• **Directions**
From the data below, please reproduce exactly everything from the line that contains "# ifc_helpers.py" down to the line that contains "exactly this schema.", with both ends included.

• **Data for review**
■ ■ ■ ■

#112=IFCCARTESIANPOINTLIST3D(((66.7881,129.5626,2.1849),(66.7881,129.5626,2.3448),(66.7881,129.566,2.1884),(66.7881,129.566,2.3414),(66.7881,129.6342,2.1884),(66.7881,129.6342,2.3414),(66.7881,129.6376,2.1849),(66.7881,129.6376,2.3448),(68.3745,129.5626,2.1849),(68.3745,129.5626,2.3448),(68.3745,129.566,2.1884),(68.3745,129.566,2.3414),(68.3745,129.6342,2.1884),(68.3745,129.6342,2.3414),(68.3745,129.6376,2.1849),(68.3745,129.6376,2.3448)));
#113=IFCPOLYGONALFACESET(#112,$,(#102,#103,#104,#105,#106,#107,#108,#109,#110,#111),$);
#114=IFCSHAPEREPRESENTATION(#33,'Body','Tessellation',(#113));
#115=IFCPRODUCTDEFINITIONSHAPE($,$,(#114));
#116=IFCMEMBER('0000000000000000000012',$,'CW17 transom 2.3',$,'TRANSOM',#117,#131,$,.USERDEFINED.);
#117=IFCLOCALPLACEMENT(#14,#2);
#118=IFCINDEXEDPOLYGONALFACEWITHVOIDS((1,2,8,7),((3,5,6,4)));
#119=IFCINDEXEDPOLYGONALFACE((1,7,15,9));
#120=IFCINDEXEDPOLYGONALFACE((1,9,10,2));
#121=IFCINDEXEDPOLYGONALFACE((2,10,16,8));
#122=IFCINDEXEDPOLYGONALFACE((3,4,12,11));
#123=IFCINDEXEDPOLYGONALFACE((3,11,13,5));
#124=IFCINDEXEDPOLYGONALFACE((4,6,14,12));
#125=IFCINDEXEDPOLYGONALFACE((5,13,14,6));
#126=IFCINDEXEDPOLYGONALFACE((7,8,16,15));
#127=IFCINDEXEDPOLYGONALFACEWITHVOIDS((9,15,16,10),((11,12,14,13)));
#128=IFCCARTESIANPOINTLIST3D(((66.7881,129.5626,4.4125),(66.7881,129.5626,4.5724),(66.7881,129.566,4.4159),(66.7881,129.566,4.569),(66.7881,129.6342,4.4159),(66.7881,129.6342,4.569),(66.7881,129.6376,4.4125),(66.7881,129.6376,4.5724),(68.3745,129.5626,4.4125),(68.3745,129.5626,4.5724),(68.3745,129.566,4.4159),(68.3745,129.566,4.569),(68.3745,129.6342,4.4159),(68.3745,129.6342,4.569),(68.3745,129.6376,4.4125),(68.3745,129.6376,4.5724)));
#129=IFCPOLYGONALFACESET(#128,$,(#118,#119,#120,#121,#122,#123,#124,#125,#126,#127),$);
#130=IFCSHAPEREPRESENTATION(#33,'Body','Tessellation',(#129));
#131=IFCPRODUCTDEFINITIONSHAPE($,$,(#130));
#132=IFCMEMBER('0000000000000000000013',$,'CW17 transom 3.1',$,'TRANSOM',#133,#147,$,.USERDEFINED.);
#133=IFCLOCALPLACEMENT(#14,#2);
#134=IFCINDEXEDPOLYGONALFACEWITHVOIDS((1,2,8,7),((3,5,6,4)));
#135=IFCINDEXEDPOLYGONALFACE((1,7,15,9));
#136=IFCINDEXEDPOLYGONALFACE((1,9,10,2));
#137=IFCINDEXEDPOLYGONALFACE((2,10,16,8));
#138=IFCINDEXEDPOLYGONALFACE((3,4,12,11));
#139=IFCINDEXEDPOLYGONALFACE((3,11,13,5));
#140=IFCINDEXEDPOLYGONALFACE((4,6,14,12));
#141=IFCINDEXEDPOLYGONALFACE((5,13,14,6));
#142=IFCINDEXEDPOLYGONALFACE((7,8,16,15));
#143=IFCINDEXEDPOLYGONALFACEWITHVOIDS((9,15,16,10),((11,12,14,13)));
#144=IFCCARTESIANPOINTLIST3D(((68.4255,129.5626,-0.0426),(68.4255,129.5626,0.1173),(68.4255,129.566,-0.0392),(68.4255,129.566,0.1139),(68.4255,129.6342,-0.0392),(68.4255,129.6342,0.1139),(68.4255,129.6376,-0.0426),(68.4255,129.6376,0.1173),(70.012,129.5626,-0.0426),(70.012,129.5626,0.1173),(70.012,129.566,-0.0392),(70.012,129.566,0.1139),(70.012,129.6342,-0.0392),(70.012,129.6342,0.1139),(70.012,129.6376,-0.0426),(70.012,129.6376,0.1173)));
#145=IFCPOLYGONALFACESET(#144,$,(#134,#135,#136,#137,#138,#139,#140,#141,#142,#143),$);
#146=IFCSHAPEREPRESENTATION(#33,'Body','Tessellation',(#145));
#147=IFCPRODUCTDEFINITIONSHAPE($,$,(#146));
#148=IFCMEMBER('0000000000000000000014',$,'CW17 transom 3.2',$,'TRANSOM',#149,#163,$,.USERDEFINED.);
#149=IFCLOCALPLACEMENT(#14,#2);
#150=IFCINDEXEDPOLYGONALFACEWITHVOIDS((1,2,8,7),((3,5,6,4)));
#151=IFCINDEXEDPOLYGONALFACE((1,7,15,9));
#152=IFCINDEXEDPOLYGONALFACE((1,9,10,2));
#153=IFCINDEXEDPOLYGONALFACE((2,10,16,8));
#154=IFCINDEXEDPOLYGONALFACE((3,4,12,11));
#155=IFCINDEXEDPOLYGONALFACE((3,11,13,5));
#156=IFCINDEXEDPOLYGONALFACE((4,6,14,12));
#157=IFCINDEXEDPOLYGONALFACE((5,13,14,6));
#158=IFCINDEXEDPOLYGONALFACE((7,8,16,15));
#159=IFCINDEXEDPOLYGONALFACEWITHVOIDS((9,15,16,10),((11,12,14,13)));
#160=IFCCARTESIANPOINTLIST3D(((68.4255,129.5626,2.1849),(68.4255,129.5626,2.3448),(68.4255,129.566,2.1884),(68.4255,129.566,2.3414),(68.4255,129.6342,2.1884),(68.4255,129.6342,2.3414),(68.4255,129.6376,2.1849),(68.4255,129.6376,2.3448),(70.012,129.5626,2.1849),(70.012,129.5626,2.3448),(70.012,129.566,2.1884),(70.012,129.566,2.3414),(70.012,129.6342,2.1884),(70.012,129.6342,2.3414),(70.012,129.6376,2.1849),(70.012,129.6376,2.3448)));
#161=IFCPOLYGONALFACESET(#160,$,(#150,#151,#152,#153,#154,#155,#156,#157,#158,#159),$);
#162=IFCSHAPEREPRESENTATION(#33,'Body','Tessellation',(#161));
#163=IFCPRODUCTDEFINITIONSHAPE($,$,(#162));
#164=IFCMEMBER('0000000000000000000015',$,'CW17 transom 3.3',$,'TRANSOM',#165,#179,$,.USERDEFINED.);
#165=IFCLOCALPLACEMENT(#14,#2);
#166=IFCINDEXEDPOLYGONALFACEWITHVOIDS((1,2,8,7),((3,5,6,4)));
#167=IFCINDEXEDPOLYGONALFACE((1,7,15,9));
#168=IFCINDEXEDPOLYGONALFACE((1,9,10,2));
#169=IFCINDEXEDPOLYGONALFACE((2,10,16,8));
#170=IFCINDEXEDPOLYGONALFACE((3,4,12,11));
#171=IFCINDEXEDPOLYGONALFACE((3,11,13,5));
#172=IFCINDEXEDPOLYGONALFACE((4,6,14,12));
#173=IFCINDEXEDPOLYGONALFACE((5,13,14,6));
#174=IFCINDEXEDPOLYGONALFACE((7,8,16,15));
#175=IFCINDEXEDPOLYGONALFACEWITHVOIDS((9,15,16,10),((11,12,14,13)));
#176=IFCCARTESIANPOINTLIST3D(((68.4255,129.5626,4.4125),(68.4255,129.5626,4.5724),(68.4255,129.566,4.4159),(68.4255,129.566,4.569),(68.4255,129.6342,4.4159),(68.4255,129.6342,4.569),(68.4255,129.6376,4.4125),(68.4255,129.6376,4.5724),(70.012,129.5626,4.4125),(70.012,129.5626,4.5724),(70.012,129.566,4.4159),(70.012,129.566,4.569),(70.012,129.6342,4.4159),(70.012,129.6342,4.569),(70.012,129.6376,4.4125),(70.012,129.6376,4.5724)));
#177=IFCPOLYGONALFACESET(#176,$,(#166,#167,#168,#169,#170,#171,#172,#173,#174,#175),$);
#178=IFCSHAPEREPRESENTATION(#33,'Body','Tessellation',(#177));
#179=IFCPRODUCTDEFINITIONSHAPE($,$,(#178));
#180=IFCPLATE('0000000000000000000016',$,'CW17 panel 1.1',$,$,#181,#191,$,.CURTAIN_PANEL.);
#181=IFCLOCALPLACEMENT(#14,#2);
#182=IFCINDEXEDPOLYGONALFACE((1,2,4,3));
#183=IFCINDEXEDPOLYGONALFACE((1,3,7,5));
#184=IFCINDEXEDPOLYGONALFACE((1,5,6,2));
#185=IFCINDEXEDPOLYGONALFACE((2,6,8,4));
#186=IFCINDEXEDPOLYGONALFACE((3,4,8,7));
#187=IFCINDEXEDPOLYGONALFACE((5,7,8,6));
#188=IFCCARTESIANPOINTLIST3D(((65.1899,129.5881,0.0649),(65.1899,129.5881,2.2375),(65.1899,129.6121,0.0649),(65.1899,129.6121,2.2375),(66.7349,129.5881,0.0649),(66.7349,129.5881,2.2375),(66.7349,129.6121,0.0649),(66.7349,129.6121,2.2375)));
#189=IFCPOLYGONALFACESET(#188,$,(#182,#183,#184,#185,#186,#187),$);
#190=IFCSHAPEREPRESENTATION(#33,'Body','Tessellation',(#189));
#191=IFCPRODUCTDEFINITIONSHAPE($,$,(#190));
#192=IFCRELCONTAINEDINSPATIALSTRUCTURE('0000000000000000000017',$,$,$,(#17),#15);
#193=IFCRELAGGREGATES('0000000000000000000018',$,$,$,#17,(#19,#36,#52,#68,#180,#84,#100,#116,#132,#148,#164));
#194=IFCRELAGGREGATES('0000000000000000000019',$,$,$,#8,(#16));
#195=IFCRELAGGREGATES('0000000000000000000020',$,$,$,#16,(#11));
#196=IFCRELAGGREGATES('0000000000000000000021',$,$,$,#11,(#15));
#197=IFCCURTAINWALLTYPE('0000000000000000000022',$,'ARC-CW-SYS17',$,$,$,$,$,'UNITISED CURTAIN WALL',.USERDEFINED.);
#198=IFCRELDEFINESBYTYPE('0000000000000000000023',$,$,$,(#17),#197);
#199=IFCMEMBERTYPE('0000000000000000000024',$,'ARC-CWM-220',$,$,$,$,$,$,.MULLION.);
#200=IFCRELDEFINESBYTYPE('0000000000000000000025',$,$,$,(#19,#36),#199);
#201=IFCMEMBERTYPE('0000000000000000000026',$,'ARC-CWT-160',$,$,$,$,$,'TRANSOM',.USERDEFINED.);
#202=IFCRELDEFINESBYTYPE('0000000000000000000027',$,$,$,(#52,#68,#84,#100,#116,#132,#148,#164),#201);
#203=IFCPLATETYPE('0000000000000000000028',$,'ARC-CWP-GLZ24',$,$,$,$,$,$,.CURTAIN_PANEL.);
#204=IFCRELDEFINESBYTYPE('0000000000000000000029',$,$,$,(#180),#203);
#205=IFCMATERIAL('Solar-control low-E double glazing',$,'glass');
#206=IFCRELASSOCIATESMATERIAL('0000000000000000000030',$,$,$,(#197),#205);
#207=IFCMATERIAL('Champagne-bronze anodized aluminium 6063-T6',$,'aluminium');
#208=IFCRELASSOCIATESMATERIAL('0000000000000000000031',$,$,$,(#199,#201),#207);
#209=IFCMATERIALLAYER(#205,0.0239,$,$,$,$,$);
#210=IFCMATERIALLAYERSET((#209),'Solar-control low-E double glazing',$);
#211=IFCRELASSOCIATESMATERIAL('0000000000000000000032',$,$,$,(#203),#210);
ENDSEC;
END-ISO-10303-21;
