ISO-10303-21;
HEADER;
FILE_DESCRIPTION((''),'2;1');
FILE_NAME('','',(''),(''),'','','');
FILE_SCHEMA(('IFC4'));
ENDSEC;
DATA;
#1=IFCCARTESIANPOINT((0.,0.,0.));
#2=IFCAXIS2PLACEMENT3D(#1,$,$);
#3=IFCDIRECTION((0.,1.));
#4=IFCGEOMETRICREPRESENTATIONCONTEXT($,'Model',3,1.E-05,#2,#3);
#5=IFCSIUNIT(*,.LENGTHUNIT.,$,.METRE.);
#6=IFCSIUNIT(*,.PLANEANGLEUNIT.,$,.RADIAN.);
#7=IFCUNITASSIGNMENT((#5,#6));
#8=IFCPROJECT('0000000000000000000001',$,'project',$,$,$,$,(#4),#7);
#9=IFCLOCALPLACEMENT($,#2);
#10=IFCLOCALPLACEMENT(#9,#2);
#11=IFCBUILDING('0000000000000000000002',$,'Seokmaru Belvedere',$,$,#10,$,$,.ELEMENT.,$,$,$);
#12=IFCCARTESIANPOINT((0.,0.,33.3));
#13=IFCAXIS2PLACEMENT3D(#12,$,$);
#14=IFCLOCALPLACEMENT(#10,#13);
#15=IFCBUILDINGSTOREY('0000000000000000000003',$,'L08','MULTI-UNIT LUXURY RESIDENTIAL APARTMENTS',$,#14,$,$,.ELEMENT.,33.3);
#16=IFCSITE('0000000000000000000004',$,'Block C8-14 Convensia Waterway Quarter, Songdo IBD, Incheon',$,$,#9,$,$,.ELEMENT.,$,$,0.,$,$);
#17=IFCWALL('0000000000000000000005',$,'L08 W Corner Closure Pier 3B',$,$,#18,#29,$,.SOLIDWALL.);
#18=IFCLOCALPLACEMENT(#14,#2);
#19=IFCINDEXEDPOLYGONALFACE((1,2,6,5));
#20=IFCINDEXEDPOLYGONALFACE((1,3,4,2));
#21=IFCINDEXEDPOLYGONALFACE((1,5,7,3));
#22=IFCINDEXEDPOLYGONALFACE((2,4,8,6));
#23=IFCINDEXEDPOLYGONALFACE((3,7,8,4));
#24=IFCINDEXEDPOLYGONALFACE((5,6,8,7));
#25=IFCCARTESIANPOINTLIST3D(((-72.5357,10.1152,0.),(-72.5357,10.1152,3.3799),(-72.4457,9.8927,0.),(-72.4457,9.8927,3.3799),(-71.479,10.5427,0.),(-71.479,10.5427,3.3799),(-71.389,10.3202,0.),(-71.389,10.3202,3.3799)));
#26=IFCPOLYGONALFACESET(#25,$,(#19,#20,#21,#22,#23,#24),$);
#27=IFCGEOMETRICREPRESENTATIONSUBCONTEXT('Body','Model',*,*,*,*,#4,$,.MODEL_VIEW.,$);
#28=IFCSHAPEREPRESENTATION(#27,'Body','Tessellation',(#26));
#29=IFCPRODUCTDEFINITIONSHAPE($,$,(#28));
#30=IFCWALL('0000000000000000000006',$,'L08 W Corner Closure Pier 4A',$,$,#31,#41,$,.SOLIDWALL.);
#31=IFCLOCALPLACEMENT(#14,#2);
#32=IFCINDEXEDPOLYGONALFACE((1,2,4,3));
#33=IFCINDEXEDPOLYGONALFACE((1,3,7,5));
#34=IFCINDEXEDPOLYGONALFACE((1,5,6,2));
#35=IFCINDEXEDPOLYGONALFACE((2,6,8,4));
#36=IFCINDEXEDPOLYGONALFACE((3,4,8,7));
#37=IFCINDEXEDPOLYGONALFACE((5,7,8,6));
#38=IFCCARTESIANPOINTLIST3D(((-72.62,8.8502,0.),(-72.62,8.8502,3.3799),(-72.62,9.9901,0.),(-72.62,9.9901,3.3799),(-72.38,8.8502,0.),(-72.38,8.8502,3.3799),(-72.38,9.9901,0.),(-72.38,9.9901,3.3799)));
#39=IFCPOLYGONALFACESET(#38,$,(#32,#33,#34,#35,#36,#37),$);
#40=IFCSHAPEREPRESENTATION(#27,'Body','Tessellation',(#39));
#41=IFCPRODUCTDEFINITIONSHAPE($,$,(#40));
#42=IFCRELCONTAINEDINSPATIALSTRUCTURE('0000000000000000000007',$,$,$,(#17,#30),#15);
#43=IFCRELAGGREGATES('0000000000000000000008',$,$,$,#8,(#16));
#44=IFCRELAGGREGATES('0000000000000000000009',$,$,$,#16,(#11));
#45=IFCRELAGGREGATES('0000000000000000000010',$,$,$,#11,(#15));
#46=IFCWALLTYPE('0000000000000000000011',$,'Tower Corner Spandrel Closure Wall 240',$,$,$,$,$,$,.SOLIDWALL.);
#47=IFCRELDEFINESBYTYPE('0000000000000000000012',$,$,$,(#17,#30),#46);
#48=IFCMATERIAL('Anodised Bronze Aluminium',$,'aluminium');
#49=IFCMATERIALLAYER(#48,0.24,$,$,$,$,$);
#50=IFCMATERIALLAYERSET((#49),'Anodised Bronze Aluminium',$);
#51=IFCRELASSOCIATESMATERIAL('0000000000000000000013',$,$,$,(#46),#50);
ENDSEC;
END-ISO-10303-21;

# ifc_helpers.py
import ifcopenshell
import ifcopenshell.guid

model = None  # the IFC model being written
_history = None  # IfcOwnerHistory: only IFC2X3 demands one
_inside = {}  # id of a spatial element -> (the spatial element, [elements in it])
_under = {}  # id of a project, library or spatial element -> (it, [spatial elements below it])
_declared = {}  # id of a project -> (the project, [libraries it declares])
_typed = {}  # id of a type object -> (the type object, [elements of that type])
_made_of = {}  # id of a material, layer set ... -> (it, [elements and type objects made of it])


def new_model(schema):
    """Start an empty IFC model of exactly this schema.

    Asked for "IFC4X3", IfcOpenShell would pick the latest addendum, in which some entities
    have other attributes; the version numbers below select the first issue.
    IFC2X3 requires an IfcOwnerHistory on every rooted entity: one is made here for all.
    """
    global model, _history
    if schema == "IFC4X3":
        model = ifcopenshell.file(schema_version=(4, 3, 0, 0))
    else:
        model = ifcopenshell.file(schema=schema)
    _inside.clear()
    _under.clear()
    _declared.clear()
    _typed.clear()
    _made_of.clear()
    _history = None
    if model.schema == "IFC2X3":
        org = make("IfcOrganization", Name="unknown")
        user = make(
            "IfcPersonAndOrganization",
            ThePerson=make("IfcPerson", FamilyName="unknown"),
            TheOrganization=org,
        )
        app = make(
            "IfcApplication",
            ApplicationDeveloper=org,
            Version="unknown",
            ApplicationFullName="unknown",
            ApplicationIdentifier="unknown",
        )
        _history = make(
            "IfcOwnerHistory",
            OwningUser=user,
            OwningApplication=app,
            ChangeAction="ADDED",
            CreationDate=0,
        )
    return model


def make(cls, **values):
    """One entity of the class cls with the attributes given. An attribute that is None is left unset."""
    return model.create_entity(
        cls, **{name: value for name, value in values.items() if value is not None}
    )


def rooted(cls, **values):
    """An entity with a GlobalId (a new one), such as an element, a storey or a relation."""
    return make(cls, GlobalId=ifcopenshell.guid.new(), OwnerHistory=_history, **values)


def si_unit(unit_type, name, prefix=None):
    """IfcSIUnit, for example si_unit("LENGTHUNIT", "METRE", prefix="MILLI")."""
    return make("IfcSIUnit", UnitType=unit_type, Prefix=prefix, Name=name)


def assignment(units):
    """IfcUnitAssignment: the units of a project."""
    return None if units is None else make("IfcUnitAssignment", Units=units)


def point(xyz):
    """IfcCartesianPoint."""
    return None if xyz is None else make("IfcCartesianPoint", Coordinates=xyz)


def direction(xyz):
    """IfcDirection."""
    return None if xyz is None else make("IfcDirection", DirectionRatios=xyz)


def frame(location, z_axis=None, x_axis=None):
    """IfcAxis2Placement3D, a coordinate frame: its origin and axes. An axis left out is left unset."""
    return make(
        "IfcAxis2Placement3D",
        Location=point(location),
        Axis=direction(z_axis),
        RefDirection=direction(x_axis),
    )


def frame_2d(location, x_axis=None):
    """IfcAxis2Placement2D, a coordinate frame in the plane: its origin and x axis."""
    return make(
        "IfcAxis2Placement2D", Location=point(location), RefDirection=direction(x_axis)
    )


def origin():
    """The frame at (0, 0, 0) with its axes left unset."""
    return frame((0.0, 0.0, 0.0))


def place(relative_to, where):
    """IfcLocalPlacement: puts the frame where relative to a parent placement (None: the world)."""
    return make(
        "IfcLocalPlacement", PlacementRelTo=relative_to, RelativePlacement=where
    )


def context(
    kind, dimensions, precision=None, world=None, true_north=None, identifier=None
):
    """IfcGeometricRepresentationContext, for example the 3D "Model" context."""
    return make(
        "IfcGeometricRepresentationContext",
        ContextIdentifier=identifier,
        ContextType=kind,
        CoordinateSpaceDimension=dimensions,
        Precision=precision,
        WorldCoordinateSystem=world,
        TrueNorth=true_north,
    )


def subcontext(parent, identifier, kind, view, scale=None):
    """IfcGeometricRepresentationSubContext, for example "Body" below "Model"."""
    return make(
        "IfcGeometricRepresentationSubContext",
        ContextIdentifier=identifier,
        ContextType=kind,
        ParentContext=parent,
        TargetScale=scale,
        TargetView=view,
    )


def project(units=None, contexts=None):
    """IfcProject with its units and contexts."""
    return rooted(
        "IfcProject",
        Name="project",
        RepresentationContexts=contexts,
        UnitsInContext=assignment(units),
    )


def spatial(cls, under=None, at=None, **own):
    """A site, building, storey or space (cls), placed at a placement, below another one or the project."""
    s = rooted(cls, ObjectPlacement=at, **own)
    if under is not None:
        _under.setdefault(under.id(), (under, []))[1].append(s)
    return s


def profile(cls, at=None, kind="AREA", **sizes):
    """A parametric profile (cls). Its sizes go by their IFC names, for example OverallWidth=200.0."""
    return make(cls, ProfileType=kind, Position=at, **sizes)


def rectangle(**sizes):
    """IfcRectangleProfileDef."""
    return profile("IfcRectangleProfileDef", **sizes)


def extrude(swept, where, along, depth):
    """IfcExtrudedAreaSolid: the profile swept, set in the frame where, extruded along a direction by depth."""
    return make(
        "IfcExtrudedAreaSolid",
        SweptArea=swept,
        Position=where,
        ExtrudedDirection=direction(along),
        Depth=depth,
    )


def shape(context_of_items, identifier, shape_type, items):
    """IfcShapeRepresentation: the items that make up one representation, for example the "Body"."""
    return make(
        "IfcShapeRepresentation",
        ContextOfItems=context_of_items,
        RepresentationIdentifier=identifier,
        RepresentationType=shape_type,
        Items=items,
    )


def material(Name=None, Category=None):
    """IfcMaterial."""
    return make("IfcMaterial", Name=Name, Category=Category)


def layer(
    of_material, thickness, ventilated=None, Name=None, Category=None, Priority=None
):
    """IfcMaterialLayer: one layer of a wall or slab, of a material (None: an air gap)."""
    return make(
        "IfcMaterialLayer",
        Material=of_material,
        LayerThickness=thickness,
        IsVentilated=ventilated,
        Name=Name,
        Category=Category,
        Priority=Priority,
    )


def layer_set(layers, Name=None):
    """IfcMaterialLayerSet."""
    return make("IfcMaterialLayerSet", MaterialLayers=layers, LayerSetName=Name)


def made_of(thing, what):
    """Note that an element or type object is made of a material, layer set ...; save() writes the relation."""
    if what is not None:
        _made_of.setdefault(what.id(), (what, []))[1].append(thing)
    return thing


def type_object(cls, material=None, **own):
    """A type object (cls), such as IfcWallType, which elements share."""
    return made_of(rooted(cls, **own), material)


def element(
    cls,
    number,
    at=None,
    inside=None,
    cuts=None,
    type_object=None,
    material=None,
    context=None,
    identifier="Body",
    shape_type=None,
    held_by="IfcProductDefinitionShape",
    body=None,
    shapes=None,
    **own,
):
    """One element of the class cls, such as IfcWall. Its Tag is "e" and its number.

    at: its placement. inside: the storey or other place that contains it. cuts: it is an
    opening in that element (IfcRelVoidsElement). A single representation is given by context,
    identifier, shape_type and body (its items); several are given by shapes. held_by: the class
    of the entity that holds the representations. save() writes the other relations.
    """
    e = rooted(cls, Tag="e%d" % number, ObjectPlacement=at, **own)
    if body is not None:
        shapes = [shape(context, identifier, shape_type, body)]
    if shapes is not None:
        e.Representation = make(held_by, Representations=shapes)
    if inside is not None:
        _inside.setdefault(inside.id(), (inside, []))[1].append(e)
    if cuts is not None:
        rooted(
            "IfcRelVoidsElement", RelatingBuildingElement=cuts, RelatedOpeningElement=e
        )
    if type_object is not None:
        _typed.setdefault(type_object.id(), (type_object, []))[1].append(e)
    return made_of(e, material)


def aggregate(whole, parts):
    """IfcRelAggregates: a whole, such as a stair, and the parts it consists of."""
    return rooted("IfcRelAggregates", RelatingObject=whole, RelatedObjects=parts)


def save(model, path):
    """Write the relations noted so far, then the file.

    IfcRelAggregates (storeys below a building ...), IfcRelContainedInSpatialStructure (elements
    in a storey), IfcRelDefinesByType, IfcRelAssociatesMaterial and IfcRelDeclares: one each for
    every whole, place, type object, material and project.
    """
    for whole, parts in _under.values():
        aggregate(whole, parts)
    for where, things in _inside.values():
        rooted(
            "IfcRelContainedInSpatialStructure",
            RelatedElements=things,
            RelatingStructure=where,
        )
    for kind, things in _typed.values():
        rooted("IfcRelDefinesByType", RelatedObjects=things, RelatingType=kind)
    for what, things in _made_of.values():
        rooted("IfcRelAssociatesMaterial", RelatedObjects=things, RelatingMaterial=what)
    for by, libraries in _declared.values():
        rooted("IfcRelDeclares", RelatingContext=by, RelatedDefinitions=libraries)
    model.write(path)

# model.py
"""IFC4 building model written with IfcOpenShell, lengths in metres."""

from ifc_helpers import new_model, si_unit, direction, frame, frame_2d, origin, place, context, subcontext, project, spatial, rectangle, extrude, material, layer, layer_set, type_object, element, save


model = new_model("IFC4")

# Units and contexts
model_context = context("Model", 3, precision=1e-05, world=origin(), true_north=direction((0.0, 1.0)))
body_context = subcontext(model_context, "Body", "Model", "MODEL_VIEW")
ifc_project = project(units=[si_unit("LENGTHUNIT", "METRE"), si_unit("PLANEANGLEUNIT", "RADIAN")], contexts=[model_context])

# Site, building, storey
site_placement = place(None, origin())
site = spatial("IfcSite", under=ifc_project, at=site_placement, Name="Block C8-14 Convensia Waterway Quarter, Songdo IBD, Incheon", CompositionType="ELEMENT", RefElevation=0.0)
building_placement = place(site_placement, origin())
building = spatial("IfcBuilding", under=site, at=building_placement, Name="Seokmaru Belvedere", CompositionType="ELEMENT")
storey_placement = place(building_placement, frame((0.0, 0.0, 33.3)))
storey = spatial("IfcBuildingStorey", under=building, at=storey_placement, Name="L08", Description="MULTI-UNIT LUXURY RESIDENTIAL APARTMENTS", CompositionType="ELEMENT", Elevation=33.3)

# Shared definitions
ifc_material_1 = material(Name="Anodised Bronze Aluminium", Category="aluminium")

# Walls
ifc_layer_1 = layer(ifc_material_1, 0.24)
ifc_layer_set_1 = layer_set([ifc_layer_1], Name="Anodised Bronze Aluminium")
wall_type_1 = type_object("IfcWallType", Name="Tower Corner Spandrel Closure Wall 240", PredefinedType="SOLIDWALL", material=ifc_layer_set_1)
for number, where, z_axis, x_axis, name in (
    (1, (-71.4341, 10.4314, 0.0), (0.0, 0.0, 1.0), (-0.927007, -0.375044, 0.0), "L08 W Corner Closure Pier 3B"),
    (2, (-72.5, 9.99, 0.0), (0.0, 0.0, 1.0), (0.0, -1.0, 0.0), "L08 W Corner Closure Pier 4A"),
):
    element("IfcWall", number, at=place(storey_placement, frame(where, z_axis=z_axis, x_axis=x_axis)), inside=storey, type_object=wall_type_1, Name=name, PredefinedType="SOLIDWALL", context=body_context, shape_type="SweptSolid", body=[
        extrude(rectangle(XDim=1.1399, YDim=0.24, at=frame_2d((0.5698, 0.0))), origin(), (0.0, 0.0, 1.0), 3.3799),
    ])

save(model, "model.ifc")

■ ■ ■ ■

• **Exercise result**
# ifc_helpers.py
import ifcopenshell
import ifcopenshell.guid

model = None  # the IFC model being written
_history = None  # IfcOwnerHistory: only IFC2X3 demands one
_inside = {}  # id of a spatial element -> (the spatial element, [elements in it])
_under = {}  # id of a project, library or spatial element -> (it, [spatial elements below it])
_declared = {}  # id of a project -> (the project, [libraries it declares])
_typed = {}  # id of a type object -> (the type object, [elements of that type])
_made_of = {}  # id of a material, layer set ... -> (it, [elements and type objects made of it])


def new_model(schema):
    """Start an empty IFC model of exactly this schema.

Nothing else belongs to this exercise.